Return verbatim all lines from the first one in the records to the line with "#145=IFCINDEXEDPOLYGONALFACE((19,23,24,20));", both ends kept.

>>

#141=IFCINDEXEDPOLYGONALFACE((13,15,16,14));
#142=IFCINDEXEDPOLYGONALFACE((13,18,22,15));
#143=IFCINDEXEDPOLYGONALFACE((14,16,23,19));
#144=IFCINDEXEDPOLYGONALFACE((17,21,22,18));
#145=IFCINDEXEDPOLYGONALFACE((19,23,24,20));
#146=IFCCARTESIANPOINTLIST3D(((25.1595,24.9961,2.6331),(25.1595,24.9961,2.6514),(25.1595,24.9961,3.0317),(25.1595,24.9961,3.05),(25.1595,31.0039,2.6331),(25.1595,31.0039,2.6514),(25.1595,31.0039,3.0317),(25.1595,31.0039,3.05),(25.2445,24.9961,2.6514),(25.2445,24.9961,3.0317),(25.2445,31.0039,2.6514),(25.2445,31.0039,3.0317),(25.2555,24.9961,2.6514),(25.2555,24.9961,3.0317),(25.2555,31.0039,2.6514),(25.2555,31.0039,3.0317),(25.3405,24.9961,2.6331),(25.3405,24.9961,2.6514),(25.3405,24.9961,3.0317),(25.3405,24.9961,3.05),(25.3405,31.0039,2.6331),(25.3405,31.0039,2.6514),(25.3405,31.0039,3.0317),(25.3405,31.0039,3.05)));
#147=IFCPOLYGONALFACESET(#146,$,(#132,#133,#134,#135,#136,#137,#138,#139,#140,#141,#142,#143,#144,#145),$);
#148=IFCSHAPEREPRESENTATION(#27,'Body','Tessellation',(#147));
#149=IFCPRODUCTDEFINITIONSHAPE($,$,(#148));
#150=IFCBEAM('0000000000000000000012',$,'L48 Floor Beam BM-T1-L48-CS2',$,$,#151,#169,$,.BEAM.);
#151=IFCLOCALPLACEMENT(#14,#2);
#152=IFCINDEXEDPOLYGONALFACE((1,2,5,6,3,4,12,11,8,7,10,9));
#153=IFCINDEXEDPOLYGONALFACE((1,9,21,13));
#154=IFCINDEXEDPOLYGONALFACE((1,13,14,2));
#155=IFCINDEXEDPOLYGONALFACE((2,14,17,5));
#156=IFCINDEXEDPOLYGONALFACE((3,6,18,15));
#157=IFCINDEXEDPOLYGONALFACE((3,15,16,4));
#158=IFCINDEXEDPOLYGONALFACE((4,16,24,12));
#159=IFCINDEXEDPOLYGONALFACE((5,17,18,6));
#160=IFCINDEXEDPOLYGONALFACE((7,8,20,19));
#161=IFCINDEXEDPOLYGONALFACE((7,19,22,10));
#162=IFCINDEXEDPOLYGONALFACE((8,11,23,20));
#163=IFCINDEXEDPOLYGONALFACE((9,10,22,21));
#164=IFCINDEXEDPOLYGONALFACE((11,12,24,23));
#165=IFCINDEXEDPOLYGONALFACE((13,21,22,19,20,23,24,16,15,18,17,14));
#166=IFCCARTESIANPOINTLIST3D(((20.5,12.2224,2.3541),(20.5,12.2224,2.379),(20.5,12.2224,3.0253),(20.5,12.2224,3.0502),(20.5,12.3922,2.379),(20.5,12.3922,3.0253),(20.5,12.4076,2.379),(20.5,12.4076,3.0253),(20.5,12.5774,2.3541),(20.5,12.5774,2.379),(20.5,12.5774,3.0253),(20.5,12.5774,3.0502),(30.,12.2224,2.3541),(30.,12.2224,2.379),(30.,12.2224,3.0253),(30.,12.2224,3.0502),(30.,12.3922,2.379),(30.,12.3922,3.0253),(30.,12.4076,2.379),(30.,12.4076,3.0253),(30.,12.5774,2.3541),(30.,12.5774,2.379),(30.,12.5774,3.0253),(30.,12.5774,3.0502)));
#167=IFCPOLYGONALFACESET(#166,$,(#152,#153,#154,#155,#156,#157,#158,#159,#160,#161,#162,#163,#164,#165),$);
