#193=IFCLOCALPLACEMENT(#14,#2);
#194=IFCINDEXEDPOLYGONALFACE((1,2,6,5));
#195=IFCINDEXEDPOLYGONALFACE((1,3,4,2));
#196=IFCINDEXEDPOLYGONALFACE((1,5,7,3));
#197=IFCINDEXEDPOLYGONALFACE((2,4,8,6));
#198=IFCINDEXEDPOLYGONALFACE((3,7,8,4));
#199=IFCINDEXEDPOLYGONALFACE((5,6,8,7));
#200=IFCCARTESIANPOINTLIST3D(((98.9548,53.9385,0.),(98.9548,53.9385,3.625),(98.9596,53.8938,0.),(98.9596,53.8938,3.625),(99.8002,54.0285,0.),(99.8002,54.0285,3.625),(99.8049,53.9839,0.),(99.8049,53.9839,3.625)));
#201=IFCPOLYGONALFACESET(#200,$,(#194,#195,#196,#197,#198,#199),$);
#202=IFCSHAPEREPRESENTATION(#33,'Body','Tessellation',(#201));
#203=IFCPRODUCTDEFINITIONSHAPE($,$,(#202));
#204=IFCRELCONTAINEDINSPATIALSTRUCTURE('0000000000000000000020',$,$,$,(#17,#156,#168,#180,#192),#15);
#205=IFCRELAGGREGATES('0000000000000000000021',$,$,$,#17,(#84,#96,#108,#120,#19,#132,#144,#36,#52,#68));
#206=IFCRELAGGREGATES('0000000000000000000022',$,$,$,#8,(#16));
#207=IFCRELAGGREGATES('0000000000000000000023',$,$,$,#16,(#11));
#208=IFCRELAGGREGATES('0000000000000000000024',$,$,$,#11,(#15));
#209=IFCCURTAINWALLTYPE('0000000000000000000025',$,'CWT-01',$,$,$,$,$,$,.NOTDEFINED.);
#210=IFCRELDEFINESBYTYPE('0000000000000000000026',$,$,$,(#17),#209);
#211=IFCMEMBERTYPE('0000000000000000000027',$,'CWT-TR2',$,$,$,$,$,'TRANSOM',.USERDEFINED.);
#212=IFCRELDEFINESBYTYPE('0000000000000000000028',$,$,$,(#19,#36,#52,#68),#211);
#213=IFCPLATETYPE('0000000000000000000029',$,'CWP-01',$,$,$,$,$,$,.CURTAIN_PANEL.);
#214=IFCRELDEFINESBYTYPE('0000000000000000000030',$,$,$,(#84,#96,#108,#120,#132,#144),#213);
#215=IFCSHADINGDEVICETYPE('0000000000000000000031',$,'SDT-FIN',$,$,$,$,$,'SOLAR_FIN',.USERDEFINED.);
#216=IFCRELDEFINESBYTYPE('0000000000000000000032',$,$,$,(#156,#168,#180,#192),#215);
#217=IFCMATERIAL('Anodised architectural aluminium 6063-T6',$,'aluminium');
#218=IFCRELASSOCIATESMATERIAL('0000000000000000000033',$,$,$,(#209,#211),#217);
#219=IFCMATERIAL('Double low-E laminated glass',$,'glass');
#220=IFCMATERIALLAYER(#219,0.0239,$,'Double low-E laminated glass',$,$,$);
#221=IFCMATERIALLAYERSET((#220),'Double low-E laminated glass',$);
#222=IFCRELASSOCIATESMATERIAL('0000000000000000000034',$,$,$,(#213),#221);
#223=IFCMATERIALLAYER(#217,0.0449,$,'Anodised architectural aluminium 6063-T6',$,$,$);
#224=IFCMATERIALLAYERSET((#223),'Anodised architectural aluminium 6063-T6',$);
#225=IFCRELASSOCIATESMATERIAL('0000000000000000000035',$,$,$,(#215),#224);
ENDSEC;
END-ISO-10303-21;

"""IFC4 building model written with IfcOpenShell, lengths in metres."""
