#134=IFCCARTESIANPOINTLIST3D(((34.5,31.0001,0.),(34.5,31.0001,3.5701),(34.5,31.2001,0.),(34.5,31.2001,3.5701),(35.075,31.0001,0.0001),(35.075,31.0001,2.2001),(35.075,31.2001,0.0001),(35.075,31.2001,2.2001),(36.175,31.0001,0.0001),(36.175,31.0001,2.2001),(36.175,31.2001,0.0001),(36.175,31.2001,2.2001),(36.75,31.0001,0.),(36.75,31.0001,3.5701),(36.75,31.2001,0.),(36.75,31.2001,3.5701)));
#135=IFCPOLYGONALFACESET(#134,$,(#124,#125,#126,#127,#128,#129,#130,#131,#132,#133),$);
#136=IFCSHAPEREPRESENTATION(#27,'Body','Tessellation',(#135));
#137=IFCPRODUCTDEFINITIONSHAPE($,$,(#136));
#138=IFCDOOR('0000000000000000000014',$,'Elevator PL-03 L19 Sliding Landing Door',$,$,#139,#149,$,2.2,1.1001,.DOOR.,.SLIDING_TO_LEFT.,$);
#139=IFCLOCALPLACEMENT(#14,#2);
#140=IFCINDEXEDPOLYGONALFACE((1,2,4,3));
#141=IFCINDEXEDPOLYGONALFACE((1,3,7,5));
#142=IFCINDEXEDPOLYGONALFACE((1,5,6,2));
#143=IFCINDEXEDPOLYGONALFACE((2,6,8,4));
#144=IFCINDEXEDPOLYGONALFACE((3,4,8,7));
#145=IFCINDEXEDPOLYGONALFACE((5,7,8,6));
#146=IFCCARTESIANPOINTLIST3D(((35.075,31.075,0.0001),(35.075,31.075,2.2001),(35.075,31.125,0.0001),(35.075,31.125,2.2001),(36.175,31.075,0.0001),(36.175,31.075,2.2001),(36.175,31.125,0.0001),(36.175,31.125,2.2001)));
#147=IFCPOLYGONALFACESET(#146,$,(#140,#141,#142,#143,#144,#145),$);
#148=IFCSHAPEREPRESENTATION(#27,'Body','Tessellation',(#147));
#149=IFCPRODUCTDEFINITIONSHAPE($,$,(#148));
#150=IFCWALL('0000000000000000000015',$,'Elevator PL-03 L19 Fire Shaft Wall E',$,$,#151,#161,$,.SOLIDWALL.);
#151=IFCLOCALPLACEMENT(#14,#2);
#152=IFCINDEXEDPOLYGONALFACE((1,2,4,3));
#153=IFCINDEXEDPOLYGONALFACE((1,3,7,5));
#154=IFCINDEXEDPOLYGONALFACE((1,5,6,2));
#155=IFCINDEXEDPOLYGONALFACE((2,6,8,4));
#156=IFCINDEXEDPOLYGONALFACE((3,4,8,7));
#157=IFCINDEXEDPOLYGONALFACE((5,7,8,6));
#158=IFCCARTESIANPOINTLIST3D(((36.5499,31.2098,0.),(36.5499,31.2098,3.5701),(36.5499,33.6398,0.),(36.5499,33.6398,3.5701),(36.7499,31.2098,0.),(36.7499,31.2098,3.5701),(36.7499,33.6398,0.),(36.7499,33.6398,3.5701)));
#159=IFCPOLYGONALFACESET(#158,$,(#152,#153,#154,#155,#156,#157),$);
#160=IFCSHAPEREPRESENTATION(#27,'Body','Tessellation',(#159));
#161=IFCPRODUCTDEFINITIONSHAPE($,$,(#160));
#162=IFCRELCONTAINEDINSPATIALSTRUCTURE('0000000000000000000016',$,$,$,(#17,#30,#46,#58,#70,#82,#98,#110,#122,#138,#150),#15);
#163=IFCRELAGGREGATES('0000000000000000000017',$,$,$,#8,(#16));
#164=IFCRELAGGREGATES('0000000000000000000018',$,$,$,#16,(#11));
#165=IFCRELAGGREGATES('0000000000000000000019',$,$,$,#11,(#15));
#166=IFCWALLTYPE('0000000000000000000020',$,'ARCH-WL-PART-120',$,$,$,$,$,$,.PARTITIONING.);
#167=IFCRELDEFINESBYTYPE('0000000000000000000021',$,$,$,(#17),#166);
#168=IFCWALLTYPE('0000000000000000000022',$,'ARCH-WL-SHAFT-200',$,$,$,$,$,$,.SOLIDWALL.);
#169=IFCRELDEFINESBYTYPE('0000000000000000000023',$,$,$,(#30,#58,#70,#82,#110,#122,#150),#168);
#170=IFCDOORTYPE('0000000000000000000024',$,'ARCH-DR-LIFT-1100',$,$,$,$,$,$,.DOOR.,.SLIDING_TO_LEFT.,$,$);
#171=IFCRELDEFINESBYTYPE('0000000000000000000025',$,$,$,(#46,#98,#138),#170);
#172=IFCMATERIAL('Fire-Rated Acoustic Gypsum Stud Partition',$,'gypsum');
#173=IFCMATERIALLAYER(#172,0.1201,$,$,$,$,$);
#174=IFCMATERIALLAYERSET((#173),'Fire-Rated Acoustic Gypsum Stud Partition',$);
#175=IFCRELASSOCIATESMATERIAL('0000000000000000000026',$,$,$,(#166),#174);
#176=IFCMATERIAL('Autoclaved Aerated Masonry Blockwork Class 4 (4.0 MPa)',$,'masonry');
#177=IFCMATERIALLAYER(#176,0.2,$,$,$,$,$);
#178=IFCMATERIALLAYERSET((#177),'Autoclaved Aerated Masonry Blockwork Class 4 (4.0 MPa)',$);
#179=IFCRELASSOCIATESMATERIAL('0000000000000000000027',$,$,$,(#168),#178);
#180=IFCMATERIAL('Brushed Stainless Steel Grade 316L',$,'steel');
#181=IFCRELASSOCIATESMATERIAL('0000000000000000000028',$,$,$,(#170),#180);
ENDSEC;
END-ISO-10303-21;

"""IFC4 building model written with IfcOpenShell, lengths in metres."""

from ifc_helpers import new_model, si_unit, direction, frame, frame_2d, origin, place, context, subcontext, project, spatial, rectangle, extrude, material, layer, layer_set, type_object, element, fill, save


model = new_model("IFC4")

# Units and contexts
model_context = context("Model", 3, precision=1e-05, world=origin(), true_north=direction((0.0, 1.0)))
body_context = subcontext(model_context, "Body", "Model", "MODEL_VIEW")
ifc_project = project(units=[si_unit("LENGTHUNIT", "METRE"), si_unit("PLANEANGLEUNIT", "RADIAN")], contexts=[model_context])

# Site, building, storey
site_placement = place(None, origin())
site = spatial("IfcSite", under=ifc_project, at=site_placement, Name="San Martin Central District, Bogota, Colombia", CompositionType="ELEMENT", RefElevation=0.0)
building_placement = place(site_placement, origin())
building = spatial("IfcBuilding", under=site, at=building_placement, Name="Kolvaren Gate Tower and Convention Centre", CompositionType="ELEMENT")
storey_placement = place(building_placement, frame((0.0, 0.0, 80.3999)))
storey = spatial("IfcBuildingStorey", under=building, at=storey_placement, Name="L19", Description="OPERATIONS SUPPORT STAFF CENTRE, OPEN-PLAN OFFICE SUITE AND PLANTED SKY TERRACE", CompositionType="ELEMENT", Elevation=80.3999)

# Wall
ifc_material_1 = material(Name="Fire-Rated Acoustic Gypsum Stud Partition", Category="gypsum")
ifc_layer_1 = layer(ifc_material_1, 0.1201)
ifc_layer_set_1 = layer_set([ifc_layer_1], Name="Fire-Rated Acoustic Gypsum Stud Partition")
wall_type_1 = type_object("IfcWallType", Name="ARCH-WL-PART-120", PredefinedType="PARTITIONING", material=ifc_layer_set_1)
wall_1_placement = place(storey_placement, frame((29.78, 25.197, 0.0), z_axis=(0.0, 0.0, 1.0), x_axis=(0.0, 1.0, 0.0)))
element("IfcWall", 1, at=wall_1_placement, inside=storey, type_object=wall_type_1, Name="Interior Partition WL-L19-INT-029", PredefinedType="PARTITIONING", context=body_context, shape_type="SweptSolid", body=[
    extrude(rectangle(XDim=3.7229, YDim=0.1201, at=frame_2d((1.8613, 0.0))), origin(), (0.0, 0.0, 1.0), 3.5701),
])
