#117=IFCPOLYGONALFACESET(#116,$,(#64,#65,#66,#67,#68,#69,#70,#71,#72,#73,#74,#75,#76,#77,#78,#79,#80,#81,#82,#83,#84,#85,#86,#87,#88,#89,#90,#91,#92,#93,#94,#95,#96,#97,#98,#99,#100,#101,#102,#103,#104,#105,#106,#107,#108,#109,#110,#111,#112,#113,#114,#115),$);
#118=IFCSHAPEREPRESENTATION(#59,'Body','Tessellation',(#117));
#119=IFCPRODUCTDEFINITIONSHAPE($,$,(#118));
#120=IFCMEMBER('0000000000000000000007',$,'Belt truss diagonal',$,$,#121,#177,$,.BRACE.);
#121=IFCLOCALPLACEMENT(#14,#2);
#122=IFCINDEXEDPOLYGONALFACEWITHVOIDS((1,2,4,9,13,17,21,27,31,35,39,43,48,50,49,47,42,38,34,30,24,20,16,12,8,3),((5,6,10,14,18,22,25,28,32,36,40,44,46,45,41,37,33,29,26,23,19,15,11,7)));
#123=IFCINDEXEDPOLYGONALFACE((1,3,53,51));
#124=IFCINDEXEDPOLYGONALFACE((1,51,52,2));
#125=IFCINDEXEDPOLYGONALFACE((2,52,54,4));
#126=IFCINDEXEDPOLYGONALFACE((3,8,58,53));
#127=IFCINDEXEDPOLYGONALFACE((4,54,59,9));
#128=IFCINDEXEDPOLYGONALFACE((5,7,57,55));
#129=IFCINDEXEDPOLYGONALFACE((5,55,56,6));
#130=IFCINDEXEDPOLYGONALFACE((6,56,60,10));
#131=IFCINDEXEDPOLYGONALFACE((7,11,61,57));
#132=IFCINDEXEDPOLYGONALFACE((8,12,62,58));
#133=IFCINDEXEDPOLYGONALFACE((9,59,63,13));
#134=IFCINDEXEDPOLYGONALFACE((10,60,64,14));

<<

:: Exercise solution ::
#141=IFCINDEXEDPOLYGONALFACE((13,15,16,14));
#142=IFCINDEXEDPOLYGONALFACE((13,18,22,15));
#143=IFCINDEXEDPOLYGONALFACE((14,16,23,19));
#144=IFCINDEXEDPOLYGONALFACE((17,21,22,18));
#145=IFCINDEXEDPOLYGONALFACE((19,23,24,20));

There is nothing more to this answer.